--- What you are asked to do ---
Copy each line of the data below in which the word "direction" can be found.

--- Task data ---
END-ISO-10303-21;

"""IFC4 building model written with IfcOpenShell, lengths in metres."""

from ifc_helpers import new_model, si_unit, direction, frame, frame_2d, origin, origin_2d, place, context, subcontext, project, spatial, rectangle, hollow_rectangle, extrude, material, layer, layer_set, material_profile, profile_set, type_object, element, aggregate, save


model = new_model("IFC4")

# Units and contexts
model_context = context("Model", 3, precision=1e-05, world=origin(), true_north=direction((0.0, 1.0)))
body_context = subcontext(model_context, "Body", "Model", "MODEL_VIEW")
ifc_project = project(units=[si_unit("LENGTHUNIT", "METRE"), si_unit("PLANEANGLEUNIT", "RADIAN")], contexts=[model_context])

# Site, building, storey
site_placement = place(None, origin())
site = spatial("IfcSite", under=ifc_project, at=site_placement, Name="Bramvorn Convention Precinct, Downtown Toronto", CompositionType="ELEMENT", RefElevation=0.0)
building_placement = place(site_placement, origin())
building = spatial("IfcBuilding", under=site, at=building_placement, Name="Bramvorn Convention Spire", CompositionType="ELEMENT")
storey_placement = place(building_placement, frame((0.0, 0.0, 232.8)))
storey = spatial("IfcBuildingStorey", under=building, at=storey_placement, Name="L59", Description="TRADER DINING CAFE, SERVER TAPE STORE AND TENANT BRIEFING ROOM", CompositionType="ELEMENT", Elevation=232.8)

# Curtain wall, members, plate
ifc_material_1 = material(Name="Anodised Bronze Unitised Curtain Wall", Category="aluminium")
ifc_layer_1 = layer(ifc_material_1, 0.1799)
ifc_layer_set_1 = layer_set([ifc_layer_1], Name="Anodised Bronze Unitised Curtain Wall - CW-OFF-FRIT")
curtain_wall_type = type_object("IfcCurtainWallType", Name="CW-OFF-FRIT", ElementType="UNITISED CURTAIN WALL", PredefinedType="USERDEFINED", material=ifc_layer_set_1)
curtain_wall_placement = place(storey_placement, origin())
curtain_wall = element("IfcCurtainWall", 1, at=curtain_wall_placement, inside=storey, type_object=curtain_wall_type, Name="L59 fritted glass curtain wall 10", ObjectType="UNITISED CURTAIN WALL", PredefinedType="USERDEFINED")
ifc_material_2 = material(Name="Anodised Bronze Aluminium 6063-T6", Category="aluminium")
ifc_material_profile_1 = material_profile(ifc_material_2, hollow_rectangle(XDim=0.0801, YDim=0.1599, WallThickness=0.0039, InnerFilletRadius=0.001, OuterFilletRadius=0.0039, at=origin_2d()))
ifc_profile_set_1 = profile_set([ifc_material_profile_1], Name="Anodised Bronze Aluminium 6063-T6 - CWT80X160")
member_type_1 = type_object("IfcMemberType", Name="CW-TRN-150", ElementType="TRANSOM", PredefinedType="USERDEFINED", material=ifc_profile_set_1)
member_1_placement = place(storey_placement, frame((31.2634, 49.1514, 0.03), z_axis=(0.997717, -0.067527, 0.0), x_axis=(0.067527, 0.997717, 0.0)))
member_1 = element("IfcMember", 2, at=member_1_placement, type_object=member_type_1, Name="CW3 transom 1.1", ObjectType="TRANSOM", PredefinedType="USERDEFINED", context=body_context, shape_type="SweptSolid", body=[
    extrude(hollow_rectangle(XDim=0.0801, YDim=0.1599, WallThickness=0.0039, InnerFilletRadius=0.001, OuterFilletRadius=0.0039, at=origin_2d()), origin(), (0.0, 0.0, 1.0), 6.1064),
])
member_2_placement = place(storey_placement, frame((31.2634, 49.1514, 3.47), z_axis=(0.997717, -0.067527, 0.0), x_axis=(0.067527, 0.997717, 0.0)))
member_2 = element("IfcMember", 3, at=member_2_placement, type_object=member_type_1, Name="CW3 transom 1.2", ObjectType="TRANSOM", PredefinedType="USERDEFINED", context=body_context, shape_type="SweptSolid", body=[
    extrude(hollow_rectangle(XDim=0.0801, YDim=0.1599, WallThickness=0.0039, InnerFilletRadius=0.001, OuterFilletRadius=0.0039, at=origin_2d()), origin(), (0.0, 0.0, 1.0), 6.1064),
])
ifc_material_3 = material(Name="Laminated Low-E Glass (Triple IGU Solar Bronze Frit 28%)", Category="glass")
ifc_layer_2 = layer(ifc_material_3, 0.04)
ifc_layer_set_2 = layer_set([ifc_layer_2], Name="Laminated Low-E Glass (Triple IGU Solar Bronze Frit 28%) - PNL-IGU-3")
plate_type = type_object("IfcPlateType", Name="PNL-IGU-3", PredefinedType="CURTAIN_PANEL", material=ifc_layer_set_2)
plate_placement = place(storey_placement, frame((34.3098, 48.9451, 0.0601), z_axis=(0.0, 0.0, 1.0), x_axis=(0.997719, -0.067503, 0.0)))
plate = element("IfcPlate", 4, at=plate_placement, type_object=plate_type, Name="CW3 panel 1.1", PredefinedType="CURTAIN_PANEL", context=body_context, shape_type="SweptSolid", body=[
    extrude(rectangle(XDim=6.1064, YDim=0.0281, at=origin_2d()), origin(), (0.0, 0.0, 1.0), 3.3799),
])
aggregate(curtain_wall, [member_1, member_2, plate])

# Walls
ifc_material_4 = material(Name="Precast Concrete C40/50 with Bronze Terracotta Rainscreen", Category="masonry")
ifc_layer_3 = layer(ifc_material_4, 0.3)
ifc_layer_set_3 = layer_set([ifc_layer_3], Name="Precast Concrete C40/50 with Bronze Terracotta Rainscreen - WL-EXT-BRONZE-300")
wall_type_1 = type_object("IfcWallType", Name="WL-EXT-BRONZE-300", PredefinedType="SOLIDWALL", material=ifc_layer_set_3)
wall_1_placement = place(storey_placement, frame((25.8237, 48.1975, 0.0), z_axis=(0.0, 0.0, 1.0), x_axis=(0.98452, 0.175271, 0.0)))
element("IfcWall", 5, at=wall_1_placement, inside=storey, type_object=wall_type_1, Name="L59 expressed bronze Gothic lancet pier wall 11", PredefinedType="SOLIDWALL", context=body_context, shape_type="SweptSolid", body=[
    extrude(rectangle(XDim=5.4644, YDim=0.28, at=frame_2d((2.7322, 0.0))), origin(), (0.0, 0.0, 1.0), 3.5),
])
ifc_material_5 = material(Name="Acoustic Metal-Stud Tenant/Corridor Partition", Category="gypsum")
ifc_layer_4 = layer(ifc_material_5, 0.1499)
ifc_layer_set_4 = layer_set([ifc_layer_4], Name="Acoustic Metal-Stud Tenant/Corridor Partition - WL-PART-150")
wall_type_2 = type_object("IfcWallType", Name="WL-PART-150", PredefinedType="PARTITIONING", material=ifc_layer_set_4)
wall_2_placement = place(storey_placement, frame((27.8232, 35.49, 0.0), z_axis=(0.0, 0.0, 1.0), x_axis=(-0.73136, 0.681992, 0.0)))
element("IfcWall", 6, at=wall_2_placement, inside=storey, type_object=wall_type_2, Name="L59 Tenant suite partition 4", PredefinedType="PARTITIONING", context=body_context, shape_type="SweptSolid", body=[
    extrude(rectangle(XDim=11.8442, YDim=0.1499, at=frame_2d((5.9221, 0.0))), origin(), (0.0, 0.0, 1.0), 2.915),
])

--- Final answer ---
from ifc_helpers import new_model, si_unit, direction, frame, frame_2d, origin, origin_2d, place, context, subcontext, project, spatial, rectangle, hollow_rectangle, extrude, material, layer, layer_set, material_profile, profile_set, type_object, element, aggregate, save
model_context = context("Model", 3, precision=1e-05, world=origin(), true_north=direction((0.0, 1.0)))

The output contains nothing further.